■ **INFORMATION GIVEN**
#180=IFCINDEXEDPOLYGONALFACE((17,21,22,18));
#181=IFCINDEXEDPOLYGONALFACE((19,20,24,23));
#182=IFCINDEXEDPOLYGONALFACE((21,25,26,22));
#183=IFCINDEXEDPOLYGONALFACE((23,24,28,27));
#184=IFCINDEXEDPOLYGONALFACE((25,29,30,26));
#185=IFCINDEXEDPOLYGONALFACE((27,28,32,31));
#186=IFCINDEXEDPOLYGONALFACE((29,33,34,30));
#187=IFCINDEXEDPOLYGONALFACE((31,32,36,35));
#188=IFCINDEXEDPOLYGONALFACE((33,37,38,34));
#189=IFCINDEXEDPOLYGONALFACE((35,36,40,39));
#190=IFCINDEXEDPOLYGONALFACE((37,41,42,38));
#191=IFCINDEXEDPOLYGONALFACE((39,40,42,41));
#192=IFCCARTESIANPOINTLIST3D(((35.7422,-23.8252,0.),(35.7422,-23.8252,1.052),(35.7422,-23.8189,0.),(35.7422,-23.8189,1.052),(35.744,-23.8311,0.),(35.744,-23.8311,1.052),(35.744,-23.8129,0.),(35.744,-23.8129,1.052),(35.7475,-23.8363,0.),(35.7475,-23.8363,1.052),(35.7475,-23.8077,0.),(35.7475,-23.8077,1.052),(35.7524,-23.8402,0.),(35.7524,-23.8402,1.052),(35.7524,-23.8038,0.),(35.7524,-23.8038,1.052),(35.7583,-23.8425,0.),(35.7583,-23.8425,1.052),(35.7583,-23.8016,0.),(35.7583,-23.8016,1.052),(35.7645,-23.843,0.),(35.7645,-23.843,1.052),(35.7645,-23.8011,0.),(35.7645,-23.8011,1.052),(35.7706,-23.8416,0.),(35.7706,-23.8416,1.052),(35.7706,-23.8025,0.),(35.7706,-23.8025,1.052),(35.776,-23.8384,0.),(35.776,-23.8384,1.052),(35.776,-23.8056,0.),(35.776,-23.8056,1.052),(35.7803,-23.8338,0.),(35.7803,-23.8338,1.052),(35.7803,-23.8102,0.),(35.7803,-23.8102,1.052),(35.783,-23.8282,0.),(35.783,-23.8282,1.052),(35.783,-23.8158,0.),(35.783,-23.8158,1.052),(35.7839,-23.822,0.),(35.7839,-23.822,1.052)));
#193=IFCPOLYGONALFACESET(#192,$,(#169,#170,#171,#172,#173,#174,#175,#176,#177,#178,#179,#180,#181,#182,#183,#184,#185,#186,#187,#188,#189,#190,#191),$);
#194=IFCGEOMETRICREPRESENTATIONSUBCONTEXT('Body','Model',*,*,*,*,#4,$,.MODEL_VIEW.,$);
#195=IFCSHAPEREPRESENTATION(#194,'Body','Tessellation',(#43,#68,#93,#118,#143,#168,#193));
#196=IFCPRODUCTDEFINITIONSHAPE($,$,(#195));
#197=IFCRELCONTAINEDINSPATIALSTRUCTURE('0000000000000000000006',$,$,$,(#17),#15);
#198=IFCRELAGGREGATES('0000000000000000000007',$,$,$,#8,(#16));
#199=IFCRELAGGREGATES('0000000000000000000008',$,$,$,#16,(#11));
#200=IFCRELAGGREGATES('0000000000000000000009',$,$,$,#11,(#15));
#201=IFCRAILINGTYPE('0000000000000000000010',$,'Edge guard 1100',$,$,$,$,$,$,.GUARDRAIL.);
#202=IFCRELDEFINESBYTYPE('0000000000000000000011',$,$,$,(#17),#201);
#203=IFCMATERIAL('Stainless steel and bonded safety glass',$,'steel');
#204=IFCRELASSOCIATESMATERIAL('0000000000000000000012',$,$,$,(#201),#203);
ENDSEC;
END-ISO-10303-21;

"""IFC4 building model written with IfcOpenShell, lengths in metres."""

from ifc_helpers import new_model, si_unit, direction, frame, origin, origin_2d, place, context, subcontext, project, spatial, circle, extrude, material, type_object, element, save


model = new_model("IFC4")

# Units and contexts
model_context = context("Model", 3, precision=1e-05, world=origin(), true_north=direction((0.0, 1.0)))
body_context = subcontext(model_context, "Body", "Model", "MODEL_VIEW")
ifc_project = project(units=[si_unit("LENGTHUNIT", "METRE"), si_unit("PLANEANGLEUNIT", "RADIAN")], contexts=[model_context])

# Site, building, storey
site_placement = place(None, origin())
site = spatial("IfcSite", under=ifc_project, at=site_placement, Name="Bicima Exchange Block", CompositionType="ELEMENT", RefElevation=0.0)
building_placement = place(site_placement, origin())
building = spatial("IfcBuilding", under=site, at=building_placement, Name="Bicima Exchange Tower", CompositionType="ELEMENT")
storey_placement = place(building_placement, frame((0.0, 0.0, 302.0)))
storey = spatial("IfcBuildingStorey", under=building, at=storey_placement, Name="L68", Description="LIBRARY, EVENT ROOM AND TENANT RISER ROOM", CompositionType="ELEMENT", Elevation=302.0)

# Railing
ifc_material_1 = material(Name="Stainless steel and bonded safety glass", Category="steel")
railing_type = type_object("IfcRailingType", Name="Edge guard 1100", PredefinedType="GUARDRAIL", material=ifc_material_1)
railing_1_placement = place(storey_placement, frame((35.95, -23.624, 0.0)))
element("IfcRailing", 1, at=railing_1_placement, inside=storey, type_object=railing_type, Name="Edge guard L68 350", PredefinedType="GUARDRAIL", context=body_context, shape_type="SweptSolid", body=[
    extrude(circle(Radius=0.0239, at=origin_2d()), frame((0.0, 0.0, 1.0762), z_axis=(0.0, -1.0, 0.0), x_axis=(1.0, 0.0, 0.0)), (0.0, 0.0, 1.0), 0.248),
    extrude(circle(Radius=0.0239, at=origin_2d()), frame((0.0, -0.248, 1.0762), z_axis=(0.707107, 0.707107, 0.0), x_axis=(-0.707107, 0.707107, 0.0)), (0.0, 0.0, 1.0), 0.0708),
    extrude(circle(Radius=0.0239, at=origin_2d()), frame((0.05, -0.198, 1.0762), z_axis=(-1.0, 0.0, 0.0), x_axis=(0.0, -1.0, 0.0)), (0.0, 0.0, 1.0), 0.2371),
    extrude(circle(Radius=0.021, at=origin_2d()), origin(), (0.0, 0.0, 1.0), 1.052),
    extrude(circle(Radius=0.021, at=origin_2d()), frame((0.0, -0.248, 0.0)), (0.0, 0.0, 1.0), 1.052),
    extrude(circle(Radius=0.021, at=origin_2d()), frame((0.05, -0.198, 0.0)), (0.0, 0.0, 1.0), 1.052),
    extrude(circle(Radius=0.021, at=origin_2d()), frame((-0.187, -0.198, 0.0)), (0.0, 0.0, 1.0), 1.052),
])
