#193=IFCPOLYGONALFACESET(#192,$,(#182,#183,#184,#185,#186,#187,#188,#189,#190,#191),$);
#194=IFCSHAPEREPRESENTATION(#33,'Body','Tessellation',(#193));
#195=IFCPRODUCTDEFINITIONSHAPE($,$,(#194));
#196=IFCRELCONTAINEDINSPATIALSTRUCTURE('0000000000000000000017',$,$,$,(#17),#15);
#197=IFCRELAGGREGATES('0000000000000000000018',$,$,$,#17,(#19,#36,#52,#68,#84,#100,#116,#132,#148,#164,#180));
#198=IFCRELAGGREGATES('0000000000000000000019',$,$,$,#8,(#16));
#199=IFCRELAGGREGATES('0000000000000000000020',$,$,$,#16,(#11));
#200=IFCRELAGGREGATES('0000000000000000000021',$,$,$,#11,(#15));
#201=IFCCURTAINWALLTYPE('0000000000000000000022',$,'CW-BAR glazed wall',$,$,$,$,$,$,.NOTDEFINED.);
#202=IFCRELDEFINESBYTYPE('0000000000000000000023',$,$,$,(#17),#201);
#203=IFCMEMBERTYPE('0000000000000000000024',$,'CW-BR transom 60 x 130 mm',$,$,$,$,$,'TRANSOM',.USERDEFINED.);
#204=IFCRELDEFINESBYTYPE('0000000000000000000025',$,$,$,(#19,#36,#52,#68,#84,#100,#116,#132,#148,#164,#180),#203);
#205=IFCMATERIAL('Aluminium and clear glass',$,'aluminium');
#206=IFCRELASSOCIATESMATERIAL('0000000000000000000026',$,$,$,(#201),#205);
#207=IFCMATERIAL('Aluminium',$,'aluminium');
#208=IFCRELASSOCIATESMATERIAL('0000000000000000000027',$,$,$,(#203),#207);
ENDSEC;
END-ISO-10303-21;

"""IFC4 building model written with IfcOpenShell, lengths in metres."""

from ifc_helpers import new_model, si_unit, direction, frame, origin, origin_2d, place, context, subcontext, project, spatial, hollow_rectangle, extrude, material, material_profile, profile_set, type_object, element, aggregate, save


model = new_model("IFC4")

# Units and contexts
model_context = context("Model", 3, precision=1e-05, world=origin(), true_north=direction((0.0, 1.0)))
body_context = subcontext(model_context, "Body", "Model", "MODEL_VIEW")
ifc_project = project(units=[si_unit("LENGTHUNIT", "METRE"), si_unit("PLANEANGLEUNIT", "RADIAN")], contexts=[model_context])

■ **INSTRUCTIONS FOR THE TASK**
Give the number of lines above that hold "frame", with no other words.

■ **ANSWER TO THE EXERCISE**
10